Starting at the first line of the entries below, output every line exactly, up to and including the line with "#141=IFCINDEXEDPOLYGONALFACE((5,6,8,7));".

--*--

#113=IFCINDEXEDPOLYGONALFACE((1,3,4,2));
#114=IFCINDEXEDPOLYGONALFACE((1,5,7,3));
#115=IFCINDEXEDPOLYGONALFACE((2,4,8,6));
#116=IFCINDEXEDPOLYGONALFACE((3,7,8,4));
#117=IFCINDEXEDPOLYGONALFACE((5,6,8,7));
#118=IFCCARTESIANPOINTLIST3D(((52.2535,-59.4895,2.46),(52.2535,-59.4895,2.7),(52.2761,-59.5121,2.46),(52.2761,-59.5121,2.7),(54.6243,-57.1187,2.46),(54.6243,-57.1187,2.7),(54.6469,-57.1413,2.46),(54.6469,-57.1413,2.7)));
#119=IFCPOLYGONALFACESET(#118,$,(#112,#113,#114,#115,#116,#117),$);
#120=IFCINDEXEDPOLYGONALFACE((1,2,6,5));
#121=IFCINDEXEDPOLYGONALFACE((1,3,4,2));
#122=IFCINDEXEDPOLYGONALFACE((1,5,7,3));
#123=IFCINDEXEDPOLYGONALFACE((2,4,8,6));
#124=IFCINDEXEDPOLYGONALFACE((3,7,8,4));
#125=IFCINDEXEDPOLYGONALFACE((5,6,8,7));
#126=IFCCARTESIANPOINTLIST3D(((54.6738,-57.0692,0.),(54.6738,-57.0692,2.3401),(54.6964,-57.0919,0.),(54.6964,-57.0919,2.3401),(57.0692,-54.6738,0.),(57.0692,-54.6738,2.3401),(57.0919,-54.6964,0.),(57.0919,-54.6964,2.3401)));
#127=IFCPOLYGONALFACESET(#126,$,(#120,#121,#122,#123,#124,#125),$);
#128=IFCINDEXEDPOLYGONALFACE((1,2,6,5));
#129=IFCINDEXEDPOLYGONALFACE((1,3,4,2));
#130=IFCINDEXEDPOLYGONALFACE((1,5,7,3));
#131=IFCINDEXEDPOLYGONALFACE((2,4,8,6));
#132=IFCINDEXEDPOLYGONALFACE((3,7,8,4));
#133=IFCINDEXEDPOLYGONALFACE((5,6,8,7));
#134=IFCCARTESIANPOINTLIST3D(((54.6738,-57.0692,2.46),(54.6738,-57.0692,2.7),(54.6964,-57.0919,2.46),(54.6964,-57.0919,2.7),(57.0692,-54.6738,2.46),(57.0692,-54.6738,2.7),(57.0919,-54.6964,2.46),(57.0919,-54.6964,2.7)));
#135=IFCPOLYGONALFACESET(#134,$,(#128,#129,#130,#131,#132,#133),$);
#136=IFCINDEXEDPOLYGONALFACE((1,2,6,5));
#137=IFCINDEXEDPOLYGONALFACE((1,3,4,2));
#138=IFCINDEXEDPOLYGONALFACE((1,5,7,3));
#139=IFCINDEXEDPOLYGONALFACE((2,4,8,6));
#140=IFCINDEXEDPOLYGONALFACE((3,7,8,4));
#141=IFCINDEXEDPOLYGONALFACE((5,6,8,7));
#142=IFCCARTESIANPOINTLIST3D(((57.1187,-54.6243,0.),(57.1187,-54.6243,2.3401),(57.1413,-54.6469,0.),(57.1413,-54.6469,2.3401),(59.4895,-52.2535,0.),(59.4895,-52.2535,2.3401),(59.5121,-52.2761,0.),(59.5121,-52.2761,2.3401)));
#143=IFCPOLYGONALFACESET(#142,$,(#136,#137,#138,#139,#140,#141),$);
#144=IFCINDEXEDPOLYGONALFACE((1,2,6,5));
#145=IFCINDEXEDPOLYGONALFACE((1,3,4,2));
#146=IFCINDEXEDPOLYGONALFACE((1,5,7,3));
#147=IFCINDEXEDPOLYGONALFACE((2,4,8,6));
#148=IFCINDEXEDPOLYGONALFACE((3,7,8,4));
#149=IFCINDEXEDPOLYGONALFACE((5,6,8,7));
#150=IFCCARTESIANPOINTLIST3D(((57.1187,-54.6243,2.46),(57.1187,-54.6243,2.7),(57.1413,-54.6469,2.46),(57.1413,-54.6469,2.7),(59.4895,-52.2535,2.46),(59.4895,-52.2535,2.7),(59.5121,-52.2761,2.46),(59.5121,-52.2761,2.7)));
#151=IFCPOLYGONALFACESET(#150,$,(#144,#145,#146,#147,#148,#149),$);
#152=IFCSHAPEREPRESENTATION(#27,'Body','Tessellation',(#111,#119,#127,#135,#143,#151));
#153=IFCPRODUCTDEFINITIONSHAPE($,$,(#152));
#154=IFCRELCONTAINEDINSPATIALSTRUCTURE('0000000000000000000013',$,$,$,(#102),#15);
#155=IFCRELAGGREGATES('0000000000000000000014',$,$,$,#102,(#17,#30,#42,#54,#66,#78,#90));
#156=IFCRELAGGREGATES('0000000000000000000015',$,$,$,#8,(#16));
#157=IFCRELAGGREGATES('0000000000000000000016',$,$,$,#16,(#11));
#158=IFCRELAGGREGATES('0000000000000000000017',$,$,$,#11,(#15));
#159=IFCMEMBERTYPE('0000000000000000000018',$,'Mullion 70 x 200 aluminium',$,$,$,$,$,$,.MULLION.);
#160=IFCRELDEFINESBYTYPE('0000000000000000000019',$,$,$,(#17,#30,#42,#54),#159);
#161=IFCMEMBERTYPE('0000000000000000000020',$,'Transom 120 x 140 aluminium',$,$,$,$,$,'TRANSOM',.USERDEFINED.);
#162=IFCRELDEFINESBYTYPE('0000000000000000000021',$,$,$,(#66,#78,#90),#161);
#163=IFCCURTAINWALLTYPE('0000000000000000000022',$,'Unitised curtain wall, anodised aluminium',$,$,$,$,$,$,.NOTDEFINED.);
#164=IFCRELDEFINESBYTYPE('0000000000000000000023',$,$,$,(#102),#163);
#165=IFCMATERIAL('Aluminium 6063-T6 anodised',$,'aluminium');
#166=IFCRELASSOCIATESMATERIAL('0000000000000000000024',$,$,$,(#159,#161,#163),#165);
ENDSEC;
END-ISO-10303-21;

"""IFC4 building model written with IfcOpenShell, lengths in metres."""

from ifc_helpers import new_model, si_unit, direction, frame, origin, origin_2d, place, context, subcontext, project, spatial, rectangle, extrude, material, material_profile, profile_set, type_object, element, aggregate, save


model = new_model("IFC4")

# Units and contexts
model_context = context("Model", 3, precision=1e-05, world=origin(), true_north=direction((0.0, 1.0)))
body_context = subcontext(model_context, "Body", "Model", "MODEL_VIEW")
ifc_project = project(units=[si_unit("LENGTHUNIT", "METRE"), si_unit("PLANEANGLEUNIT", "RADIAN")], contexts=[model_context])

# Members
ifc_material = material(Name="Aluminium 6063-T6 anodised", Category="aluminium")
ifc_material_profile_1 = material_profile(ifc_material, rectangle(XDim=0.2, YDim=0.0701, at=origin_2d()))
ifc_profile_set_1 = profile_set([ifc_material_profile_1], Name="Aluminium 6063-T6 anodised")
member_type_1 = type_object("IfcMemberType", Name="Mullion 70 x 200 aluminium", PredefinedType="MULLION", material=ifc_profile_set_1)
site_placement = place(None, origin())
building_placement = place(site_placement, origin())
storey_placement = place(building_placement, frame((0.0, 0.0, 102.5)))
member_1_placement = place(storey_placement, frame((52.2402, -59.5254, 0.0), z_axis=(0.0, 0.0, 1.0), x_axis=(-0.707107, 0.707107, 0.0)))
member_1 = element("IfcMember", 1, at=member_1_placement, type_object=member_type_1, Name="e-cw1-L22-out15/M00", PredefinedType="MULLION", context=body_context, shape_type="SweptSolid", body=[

--*--

▸ EXERCISE ANSWER:
#113=IFCINDEXEDPOLYGONALFACE((1,3,4,2));
#114=IFCINDEXEDPOLYGONALFACE((1,5,7,3));
#115=IFCINDEXEDPOLYGONALFACE((2,4,8,6));
#116=IFCINDEXEDPOLYGONALFACE((3,7,8,4));
#117=IFCINDEXEDPOLYGONALFACE((5,6,8,7));
#118=IFCCARTESIANPOINTLIST3D(((52.2535,-59.4895,2.46),(52.2535,-59.4895,2.7),(52.2761,-59.5121,2.46),(52.2761,-59.5121,2.7),(54.6243,-57.1187,2.46),(54.6243,-57.1187,2.7),(54.6469,-57.1413,2.46),(54.6469,-57.1413,2.7)));
#119=IFCPOLYGONALFACESET(#118,$,(#112,#113,#114,#115,#116,#117),$);
#120=IFCINDEXEDPOLYGONALFACE((1,2,6,5));
#121=IFCINDEXEDPOLYGONALFACE((1,3,4,2));
#122=IFCINDEXEDPOLYGONALFACE((1,5,7,3));
#123=IFCINDEXEDPOLYGONALFACE((2,4,8,6));
#124=IFCINDEXEDPOLYGONALFACE((3,7,8,4));
#125=IFCINDEXEDPOLYGONALFACE((5,6,8,7));
#126=IFCCARTESIANPOINTLIST3D(((54.6738,-57.0692,0.),(54.6738,-57.0692,2.3401),(54.6964,-57.0919,0.),(54.6964,-57.0919,2.3401),(57.0692,-54.6738,0.),(57.0692,-54.6738,2.3401),(57.0919,-54.6964,0.),(57.0919,-54.6964,2.3401)));
#127=IFCPOLYGONALFACESET(#126,$,(#120,#121,#122,#123,#124,#125),$);
#128=IFCINDEXEDPOLYGONALFACE((1,2,6,5));
#129=IFCINDEXEDPOLYGONALFACE((1,3,4,2));
#130=IFCINDEXEDPOLYGONALFACE((1,5,7,3));
#131=IFCINDEXEDPOLYGONALFACE((2,4,8,6));
#132=IFCINDEXEDPOLYGONALFACE((3,7,8,4));
#133=IFCINDEXEDPOLYGONALFACE((5,6,8,7));
#134=IFCCARTESIANPOINTLIST3D(((54.6738,-57.0692,2.46),(54.6738,-57.0692,2.7),(54.6964,-57.0919,2.46),(54.6964,-57.0919,2.7),(57.0692,-54.6738,2.46),(57.0692,-54.6738,2.7),(57.0919,-54.6964,2.46),(57.0919,-54.6964,2.7)));
#135=IFCPOLYGONALFACESET(#134,$,(#128,#129,#130,#131,#132,#133),$);
#136=IFCINDEXEDPOLYGONALFACE((1,2,6,5));
#137=IFCINDEXEDPOLYGONALFACE((1,3,4,2));
#138=IFCINDEXEDPOLYGONALFACE((1,5,7,3));
#139=IFCINDEXEDPOLYGONALFACE((2,4,8,6));
#140=IFCINDEXEDPOLYGONALFACE((3,7,8,4));
#141=IFCINDEXEDPOLYGONALFACE((5,6,8,7));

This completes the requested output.